* Task statement *
Among the entries, find the lines with the string "TRANSOM" and report them.

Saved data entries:

■ ■ ■ ■ ■

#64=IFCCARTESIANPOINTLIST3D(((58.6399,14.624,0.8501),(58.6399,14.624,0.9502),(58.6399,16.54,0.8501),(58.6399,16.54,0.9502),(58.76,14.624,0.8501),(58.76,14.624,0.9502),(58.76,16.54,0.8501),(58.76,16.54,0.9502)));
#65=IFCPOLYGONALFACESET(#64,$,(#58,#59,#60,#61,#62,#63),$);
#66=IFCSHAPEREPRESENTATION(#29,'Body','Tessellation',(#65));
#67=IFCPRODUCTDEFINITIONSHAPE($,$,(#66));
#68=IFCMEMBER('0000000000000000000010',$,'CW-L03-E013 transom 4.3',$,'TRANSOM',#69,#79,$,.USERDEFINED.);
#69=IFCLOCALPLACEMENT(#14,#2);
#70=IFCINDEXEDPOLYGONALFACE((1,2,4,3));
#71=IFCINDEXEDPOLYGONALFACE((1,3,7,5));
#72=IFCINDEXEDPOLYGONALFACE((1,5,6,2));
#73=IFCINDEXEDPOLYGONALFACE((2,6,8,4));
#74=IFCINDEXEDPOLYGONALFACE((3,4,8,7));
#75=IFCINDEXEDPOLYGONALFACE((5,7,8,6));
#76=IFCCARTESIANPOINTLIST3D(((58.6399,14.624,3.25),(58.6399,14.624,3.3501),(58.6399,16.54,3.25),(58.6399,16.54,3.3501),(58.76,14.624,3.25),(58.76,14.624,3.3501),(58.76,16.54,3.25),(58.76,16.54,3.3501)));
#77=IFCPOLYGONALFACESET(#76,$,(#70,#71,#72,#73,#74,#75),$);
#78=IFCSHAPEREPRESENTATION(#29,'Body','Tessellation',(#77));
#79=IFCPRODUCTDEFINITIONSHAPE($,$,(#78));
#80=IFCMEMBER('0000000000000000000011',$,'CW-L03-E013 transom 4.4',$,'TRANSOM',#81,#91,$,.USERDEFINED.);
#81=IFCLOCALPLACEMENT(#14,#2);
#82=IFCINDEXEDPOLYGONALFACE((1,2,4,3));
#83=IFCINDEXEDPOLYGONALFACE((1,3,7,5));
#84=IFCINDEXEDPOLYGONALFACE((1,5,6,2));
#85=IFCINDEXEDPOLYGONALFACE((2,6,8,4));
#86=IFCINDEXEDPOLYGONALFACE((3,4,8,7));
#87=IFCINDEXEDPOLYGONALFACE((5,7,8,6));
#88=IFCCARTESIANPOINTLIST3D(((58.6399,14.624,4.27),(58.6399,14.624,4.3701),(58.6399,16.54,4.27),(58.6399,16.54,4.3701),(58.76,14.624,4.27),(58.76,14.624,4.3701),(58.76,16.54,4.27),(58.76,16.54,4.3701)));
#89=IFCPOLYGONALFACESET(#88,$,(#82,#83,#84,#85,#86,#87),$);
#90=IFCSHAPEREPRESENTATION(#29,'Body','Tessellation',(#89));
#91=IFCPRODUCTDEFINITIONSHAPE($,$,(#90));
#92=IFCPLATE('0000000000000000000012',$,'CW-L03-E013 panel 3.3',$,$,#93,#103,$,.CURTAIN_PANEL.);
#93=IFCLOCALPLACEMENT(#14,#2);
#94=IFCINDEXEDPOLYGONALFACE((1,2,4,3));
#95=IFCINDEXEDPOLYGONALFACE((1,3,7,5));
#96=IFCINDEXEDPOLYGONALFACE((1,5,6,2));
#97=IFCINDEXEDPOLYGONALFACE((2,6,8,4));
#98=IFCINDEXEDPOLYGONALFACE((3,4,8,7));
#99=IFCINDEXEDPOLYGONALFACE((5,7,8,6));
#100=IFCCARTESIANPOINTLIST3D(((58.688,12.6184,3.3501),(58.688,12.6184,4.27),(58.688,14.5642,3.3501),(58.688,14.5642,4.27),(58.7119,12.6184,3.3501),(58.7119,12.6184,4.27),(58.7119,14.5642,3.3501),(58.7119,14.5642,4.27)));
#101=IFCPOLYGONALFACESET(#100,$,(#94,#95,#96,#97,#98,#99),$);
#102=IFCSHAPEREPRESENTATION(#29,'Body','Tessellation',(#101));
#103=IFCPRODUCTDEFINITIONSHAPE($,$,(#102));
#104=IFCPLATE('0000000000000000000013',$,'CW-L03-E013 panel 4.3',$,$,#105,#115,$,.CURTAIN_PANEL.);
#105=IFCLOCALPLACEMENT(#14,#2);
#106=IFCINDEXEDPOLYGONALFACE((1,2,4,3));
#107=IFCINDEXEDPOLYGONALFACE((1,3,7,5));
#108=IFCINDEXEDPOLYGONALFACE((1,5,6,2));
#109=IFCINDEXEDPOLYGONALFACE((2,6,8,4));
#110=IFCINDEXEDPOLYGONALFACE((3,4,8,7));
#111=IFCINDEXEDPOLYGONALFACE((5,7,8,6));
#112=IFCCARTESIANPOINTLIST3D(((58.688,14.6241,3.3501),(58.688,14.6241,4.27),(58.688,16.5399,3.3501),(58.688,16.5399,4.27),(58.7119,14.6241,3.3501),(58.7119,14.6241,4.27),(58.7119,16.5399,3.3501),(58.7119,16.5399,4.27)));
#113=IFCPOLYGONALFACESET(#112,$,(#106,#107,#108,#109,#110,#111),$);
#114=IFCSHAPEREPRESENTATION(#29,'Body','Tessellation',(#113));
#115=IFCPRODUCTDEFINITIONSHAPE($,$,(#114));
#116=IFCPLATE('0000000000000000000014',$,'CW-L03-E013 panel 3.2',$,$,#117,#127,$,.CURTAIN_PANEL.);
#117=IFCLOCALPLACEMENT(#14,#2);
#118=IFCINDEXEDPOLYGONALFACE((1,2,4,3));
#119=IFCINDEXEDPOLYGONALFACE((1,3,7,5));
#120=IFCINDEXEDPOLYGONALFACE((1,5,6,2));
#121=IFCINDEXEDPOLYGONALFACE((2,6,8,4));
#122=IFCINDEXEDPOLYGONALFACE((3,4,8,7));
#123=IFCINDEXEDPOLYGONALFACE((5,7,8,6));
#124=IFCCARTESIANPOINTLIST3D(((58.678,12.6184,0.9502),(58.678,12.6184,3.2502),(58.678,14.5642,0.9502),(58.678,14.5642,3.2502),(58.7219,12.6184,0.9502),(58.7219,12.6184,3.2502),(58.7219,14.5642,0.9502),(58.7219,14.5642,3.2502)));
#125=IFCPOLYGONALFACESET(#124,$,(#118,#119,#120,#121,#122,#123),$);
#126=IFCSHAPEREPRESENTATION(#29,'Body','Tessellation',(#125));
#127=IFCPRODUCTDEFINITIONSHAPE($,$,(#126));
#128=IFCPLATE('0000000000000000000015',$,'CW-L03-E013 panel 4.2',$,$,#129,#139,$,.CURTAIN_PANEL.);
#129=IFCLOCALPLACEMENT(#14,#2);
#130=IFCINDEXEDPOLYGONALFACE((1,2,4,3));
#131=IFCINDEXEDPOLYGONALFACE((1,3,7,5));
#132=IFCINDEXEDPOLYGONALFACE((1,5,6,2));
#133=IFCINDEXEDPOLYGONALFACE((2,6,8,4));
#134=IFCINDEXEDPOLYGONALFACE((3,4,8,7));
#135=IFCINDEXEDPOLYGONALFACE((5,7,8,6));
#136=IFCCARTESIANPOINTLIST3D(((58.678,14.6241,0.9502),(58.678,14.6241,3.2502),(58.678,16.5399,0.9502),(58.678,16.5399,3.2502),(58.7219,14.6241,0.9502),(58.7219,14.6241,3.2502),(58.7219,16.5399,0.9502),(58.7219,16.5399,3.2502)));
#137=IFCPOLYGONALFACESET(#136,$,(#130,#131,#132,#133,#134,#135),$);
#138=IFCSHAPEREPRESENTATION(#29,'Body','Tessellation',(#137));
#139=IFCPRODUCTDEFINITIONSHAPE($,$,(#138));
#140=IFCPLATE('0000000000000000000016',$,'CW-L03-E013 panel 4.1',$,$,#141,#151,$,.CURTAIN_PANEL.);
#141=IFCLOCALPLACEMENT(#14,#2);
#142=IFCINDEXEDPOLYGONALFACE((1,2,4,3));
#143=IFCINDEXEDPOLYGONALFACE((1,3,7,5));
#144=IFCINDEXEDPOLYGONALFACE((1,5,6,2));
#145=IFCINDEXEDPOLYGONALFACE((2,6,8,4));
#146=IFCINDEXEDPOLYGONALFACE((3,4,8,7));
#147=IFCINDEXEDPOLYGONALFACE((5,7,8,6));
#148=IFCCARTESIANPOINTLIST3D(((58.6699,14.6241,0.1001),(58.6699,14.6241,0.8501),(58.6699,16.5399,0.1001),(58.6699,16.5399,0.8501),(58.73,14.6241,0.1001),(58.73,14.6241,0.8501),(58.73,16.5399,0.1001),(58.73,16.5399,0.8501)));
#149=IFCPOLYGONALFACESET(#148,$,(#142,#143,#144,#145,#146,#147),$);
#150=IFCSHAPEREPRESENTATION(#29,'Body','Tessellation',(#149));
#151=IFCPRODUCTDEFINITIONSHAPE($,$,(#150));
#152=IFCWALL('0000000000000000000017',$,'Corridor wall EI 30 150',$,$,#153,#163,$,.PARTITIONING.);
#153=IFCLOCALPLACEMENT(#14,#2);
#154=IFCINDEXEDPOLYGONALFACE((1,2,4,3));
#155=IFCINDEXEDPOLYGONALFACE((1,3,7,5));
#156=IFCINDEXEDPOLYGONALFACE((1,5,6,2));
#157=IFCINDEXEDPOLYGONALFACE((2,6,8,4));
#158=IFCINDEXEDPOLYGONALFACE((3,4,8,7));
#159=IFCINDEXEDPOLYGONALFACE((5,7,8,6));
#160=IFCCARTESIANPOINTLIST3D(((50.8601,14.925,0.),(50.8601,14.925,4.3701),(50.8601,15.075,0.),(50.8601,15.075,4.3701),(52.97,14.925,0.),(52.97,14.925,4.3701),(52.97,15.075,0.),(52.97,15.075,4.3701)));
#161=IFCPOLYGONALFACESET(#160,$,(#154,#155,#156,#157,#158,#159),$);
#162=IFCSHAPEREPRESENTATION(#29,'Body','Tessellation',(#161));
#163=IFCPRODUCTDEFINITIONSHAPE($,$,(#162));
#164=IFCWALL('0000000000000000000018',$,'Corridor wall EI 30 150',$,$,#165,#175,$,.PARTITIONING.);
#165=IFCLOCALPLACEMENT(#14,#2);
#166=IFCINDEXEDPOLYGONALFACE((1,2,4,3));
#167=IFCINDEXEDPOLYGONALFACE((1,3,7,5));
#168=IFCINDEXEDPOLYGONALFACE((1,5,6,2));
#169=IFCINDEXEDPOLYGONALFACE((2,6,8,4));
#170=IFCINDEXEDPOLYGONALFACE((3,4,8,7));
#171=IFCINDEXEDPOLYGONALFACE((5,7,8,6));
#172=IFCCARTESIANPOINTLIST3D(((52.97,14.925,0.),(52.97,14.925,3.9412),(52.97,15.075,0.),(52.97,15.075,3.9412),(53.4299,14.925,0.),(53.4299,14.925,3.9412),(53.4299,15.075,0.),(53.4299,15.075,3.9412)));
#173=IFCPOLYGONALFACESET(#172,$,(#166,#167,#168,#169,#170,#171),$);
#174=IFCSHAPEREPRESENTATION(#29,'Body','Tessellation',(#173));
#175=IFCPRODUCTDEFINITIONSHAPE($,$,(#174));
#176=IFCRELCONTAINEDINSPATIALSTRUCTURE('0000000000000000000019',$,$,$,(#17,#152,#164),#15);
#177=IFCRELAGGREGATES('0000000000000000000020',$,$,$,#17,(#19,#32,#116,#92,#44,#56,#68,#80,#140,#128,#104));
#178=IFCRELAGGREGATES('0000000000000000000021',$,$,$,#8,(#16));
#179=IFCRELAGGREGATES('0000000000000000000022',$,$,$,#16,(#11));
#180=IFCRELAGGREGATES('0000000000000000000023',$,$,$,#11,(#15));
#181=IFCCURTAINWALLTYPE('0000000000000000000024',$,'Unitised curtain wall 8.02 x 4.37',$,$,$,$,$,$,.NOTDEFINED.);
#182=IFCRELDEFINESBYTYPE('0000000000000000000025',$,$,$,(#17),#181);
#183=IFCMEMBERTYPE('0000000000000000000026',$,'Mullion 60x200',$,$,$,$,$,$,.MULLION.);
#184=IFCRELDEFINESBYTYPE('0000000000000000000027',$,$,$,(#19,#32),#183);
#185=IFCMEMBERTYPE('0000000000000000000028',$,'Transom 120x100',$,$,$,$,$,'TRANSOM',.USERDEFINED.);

■ ■ ■ ■ ■

* Expected answer *
#68=IFCMEMBER('0000000000000000000010',$,'CW-L03-E013 transom 4.3',$,'TRANSOM',#69,#79,$,.USERDEFINED.);
#80=IFCMEMBER('0000000000000000000011',$,'CW-L03-E013 transom 4.4',$,'TRANSOM',#81,#91,$,.USERDEFINED.);
#185=IFCMEMBERTYPE('0000000000000000000028',$,'Transom 120x100',$,$,$,$,$,'TRANSOM',.USERDEFINED.);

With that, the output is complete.